Saved entries:
⟨
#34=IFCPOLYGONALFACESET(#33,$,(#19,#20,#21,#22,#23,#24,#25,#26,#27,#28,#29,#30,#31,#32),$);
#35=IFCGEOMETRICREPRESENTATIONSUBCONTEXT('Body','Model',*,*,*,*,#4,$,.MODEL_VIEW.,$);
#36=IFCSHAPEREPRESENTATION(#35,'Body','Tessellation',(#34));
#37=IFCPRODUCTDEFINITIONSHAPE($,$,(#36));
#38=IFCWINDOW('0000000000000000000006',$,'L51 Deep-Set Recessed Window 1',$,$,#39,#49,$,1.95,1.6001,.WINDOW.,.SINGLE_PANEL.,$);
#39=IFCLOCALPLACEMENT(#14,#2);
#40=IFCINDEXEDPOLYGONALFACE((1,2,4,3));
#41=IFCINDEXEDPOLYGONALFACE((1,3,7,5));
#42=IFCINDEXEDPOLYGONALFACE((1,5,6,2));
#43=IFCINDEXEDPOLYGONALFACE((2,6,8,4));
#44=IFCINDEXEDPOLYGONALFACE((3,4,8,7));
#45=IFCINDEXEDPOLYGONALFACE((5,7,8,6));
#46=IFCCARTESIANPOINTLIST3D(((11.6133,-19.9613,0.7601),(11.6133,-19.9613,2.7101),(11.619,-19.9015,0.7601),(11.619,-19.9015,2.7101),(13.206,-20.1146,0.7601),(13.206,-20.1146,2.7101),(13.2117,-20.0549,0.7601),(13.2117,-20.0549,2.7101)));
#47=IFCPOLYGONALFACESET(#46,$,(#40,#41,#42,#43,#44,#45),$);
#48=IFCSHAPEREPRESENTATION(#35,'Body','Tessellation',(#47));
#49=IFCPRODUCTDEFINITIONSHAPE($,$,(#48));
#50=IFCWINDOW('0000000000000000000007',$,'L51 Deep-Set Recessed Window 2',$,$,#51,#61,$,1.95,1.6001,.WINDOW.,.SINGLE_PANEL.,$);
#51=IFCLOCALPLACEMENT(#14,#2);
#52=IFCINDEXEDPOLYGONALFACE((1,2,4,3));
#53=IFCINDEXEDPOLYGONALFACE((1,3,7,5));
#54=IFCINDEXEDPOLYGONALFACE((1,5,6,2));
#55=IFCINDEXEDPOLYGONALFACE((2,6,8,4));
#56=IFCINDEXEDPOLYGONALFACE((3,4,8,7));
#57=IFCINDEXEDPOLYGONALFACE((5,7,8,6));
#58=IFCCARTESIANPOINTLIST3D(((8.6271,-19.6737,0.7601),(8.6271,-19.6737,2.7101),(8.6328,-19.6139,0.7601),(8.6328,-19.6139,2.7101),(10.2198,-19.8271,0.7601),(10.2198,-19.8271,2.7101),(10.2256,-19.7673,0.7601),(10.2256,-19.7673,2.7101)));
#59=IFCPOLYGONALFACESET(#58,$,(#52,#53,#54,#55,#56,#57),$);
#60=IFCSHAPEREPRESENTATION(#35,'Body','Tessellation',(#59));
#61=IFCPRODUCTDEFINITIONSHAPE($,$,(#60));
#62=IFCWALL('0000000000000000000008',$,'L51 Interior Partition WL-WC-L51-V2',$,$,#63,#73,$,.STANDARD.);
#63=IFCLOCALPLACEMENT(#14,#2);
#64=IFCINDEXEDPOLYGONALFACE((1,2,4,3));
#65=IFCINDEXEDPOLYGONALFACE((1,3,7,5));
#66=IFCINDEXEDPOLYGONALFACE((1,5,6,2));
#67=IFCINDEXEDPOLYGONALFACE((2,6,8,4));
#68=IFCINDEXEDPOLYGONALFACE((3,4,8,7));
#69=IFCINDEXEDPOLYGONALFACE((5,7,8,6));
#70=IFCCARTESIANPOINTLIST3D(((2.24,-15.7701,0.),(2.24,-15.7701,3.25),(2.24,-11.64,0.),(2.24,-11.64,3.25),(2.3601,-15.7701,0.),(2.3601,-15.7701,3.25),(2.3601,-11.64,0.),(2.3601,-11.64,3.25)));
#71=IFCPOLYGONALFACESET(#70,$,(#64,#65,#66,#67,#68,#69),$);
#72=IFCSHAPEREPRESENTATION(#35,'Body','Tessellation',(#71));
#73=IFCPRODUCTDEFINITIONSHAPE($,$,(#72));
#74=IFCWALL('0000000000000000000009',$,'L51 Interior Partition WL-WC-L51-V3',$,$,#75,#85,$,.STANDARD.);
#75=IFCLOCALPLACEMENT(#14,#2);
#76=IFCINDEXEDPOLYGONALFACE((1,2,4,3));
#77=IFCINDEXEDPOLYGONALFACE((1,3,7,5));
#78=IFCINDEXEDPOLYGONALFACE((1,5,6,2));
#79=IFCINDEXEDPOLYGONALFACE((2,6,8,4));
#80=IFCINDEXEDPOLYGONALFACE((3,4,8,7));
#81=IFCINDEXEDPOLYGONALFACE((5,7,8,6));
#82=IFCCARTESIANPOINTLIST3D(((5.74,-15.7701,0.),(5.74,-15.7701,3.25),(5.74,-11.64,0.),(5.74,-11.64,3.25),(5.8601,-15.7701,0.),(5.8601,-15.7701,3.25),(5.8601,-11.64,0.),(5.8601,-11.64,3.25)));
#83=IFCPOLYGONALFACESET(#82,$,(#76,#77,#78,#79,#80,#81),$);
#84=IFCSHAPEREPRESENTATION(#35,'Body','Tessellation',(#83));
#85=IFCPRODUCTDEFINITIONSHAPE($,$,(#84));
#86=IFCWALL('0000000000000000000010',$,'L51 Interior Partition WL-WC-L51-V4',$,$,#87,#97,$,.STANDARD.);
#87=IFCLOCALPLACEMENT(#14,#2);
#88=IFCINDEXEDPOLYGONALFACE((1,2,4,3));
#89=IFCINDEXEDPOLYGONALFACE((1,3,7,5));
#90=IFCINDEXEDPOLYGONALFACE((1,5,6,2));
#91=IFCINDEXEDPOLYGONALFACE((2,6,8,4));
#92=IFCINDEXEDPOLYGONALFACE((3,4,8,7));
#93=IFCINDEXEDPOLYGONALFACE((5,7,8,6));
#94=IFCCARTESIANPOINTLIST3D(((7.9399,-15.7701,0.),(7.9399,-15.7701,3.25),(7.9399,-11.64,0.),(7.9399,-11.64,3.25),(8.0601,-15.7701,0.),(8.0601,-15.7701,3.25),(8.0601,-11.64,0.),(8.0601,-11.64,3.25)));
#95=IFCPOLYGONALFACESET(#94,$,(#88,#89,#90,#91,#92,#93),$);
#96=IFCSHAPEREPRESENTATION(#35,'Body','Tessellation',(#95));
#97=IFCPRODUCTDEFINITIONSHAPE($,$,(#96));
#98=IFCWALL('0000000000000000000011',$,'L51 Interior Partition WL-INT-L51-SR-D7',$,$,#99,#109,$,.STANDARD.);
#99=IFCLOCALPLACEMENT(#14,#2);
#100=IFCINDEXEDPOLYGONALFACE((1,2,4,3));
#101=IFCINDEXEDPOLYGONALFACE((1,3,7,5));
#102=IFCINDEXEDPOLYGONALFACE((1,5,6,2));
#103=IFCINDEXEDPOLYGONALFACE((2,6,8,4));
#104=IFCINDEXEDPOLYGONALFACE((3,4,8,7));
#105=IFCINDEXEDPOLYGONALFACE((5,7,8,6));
⟩
- **Aim of the exercise**
Please transcribe only the lines in the records above running from the line that has "#62=IFCWALL('0000000000000000000008',$,'L51 Interior Partition" through the line that has "#67=IFCINDEXEDPOLYGONALFACE((2,6,8,4));", both included, exactly as they appear.

- **Result of this task**
#62=IFCWALL('0000000000000000000008',$,'L51 Interior Partition WL-WC-L51-V2',$,$,#63,#73,$,.STANDARD.);
#63=IFCLOCALPLACEMENT(#14,#2);
#64=IFCINDEXEDPOLYGONALFACE((1,2,4,3));
#65=IFCINDEXEDPOLYGONALFACE((1,3,7,5));
#66=IFCINDEXEDPOLYGONALFACE((1,5,6,2));
#67=IFCINDEXEDPOLYGONALFACE((2,6,8,4));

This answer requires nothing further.